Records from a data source
------------------------------------------------
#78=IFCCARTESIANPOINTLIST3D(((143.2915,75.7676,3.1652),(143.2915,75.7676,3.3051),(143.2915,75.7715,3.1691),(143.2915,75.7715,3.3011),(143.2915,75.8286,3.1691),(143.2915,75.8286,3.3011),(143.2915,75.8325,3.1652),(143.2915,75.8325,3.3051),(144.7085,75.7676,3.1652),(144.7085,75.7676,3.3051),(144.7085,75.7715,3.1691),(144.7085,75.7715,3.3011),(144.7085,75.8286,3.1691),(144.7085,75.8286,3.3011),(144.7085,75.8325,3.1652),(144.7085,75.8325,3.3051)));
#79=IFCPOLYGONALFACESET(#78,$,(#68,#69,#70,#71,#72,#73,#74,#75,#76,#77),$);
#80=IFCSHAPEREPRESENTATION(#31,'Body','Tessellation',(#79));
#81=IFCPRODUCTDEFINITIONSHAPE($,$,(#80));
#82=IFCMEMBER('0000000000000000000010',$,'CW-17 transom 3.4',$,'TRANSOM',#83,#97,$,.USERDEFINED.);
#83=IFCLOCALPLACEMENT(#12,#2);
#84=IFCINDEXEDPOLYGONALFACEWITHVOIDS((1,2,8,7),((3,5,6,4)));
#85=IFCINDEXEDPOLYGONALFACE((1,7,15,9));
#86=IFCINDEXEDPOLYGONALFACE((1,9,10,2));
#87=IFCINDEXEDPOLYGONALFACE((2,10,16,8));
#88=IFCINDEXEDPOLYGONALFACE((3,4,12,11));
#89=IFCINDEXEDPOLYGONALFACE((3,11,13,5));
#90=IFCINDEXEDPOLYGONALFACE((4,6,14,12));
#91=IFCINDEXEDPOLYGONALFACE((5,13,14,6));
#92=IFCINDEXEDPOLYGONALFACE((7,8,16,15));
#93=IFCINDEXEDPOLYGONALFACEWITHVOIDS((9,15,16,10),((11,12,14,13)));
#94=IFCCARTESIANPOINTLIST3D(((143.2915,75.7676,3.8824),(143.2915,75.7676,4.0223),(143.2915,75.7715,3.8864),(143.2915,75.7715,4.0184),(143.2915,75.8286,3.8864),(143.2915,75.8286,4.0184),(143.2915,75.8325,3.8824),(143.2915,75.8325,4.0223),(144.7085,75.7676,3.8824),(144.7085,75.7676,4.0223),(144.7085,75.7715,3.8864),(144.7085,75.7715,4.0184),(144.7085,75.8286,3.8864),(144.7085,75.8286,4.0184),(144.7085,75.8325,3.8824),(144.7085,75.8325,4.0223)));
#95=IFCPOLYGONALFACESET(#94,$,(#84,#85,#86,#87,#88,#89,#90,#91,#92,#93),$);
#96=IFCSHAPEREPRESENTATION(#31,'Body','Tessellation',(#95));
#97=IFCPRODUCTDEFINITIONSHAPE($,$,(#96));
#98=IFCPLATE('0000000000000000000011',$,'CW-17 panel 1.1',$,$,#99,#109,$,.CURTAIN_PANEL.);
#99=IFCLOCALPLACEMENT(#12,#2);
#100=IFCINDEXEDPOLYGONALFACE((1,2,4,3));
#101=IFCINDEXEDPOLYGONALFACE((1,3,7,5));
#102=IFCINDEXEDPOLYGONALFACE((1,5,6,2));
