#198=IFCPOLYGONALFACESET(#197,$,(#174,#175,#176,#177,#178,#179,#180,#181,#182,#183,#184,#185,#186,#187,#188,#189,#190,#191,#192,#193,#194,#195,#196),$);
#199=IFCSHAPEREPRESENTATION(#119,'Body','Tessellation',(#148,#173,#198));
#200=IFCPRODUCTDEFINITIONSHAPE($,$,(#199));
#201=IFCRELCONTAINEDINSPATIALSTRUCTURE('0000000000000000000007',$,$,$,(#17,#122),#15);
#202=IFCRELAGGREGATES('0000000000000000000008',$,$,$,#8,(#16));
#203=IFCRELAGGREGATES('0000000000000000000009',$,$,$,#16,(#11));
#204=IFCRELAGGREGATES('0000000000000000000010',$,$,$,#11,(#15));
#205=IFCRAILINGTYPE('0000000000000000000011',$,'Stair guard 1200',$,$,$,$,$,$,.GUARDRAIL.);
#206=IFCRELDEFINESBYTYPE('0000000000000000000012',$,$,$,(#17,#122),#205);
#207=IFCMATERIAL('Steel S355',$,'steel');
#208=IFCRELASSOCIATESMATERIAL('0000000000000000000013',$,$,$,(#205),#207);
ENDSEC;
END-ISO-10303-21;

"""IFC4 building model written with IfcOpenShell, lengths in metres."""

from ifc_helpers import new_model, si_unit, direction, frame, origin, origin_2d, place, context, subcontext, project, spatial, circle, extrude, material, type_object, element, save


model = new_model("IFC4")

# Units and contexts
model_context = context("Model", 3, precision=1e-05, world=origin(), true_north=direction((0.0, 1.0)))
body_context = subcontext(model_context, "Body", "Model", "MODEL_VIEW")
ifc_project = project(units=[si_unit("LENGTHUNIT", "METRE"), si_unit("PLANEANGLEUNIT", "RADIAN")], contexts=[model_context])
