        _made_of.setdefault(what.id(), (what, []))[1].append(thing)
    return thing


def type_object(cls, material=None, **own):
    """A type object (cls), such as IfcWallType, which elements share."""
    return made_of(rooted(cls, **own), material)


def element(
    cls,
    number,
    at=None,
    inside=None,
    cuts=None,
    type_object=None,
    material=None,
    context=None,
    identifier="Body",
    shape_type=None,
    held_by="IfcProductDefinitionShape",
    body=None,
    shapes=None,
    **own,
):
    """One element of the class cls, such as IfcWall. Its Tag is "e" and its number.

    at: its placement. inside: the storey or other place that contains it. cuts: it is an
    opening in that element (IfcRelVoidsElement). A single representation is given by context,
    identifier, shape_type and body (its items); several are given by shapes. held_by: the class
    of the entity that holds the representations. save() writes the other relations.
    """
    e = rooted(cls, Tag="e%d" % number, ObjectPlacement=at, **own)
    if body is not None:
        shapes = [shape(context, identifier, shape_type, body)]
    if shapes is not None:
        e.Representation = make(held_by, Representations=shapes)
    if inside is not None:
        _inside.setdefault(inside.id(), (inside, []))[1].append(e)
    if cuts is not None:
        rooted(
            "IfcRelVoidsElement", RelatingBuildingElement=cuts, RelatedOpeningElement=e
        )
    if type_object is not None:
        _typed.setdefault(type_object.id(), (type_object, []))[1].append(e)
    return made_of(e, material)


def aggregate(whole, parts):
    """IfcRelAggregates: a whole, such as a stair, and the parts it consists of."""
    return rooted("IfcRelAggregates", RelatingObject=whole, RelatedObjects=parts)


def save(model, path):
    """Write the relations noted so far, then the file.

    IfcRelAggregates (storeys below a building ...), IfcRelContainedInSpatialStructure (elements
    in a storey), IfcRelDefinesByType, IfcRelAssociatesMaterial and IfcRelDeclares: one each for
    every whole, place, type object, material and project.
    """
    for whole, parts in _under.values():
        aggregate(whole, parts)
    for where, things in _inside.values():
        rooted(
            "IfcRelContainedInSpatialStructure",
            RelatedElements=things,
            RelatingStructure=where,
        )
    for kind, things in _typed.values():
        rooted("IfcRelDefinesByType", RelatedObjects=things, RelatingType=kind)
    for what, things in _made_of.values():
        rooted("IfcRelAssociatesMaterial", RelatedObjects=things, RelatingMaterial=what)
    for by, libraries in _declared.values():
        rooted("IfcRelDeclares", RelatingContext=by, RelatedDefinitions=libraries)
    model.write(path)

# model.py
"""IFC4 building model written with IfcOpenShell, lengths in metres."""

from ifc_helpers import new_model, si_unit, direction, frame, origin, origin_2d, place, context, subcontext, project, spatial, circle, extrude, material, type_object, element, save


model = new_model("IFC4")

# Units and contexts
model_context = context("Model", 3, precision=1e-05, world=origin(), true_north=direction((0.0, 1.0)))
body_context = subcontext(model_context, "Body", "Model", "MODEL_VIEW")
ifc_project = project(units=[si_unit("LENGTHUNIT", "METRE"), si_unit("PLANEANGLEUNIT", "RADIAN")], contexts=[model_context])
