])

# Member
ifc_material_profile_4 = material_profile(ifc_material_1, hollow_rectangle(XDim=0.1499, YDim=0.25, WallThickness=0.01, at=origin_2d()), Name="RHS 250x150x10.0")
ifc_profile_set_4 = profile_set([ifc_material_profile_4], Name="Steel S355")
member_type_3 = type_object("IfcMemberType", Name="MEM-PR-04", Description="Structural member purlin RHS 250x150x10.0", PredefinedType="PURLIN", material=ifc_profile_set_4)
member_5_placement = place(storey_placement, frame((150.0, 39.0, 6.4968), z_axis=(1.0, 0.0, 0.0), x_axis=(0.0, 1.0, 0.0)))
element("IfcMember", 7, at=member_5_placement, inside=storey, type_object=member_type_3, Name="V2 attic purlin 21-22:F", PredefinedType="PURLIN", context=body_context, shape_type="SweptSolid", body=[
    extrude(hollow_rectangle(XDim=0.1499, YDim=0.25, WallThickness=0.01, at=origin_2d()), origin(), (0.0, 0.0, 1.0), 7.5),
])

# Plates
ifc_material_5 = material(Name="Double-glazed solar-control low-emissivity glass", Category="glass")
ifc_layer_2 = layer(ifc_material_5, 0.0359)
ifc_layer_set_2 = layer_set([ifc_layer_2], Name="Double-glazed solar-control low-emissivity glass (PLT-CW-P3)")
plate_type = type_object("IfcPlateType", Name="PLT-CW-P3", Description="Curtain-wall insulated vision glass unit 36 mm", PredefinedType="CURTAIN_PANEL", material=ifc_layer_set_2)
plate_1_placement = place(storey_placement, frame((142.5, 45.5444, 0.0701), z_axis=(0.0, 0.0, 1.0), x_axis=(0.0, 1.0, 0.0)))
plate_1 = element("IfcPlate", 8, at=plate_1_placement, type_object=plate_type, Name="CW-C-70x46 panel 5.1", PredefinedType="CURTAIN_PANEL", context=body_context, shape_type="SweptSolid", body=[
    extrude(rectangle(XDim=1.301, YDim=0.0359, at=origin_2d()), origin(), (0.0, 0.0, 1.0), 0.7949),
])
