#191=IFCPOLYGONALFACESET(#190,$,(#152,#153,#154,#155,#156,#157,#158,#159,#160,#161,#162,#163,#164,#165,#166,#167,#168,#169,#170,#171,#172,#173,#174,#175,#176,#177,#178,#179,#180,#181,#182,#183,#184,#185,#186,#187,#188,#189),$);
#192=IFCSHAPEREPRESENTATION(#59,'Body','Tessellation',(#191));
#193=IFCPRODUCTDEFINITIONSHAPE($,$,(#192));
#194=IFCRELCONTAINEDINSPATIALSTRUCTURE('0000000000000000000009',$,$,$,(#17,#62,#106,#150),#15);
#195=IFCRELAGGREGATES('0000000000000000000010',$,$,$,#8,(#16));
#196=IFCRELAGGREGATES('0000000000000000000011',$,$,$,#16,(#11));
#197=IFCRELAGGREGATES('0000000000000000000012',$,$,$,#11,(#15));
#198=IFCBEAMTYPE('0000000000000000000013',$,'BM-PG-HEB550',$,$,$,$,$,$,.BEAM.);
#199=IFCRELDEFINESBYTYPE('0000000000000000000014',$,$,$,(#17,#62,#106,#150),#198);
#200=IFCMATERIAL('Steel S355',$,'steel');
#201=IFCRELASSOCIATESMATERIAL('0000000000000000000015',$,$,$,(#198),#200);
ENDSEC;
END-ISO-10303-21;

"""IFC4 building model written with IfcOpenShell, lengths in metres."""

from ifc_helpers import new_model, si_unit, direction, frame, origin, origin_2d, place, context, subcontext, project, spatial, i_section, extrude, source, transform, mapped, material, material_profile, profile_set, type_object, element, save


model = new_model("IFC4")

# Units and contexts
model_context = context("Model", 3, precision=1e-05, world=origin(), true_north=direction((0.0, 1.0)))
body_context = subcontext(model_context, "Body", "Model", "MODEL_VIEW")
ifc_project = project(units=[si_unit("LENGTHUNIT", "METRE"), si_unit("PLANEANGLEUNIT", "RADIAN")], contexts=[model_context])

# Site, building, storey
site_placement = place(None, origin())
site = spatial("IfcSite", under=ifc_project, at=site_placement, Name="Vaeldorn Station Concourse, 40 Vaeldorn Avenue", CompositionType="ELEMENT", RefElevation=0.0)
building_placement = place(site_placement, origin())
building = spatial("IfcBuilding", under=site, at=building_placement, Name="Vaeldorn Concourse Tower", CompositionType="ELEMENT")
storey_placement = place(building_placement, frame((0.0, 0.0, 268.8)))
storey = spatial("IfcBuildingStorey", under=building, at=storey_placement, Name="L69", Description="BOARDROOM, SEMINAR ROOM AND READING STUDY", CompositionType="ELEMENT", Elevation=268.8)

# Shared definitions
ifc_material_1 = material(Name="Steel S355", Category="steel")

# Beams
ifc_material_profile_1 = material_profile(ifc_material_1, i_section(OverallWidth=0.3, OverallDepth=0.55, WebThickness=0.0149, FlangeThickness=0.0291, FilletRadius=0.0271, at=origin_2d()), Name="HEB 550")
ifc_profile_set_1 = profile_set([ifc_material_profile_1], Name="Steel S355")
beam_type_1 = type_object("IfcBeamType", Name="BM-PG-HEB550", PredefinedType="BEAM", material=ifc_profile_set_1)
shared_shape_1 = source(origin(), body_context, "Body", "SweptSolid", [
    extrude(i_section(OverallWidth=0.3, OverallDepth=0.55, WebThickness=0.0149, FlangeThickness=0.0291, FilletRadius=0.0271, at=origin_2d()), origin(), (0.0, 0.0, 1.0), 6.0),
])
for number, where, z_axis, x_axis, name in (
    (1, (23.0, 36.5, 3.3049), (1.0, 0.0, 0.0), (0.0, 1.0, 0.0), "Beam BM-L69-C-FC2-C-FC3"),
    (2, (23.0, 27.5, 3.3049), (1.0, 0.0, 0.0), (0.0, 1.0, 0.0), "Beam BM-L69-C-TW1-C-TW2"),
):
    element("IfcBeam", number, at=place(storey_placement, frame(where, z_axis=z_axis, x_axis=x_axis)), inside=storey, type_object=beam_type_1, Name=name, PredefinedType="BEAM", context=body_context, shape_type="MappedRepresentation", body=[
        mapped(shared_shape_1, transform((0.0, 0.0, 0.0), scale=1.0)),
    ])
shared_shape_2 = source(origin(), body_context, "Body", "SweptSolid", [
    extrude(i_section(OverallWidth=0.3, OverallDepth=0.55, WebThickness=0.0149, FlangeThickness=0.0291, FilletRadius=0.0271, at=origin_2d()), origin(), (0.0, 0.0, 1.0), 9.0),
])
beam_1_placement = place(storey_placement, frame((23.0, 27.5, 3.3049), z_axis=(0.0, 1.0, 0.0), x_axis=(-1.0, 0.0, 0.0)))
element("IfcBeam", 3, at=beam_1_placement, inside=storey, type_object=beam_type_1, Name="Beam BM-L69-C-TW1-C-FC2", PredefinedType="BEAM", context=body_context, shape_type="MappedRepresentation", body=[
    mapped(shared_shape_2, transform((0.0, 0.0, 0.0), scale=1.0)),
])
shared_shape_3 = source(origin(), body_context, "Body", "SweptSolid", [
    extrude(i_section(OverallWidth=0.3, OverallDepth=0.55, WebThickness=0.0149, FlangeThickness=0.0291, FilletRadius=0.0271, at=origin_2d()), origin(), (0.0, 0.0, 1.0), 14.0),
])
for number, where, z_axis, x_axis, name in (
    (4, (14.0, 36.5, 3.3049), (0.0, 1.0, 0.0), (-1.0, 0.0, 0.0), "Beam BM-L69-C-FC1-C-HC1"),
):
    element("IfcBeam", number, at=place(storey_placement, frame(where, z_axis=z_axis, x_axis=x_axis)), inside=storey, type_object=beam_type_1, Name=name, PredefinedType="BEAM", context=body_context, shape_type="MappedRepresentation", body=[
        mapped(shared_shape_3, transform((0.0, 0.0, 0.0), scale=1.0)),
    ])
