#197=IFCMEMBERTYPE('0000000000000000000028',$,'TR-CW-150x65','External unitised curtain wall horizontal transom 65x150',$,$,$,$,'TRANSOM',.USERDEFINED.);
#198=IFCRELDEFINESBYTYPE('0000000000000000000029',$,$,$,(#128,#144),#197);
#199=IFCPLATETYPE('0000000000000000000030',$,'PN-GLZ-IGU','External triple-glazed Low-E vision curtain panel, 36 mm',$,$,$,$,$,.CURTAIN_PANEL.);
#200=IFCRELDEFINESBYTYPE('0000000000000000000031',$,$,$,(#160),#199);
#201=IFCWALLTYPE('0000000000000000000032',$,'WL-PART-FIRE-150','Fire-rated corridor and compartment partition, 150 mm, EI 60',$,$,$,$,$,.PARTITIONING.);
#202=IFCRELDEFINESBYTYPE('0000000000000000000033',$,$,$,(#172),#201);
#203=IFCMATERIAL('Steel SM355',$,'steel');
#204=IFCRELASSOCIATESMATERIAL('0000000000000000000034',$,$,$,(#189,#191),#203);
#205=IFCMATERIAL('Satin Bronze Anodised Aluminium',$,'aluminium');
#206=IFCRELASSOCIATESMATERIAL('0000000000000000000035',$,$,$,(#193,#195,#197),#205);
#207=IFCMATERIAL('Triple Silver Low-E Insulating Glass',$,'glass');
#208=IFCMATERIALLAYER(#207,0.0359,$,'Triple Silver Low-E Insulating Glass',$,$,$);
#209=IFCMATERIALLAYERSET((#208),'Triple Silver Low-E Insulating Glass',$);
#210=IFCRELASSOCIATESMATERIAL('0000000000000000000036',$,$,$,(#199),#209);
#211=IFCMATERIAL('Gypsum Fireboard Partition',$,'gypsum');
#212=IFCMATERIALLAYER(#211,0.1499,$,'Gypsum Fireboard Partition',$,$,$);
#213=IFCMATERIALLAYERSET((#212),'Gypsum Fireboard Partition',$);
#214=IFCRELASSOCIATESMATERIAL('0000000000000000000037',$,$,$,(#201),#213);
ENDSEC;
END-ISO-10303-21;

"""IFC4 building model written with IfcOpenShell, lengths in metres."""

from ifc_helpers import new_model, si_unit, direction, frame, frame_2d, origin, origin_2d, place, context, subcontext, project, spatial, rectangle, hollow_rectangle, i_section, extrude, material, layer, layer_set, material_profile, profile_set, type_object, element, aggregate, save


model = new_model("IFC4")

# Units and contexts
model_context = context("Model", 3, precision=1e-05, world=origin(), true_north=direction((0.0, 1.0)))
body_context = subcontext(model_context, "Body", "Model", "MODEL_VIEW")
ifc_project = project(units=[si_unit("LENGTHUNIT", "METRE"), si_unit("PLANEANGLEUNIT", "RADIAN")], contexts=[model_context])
------------------------------------------------
Task statement: In the records above, some lines may contain the word "Concourse"; copy every one of them.

Exercise response:
site = spatial("IfcSite", under=ifc_project, at=site_placement, Name="Vaeldorn Station Concourse, 40 Vaeldorn Avenue", CompositionType="ELEMENT", RefElevation=0.0)
building = spatial("IfcBuilding", under=site, at=building_placement, Name="Vaeldorn Concourse Tower", CompositionType="ELEMENT")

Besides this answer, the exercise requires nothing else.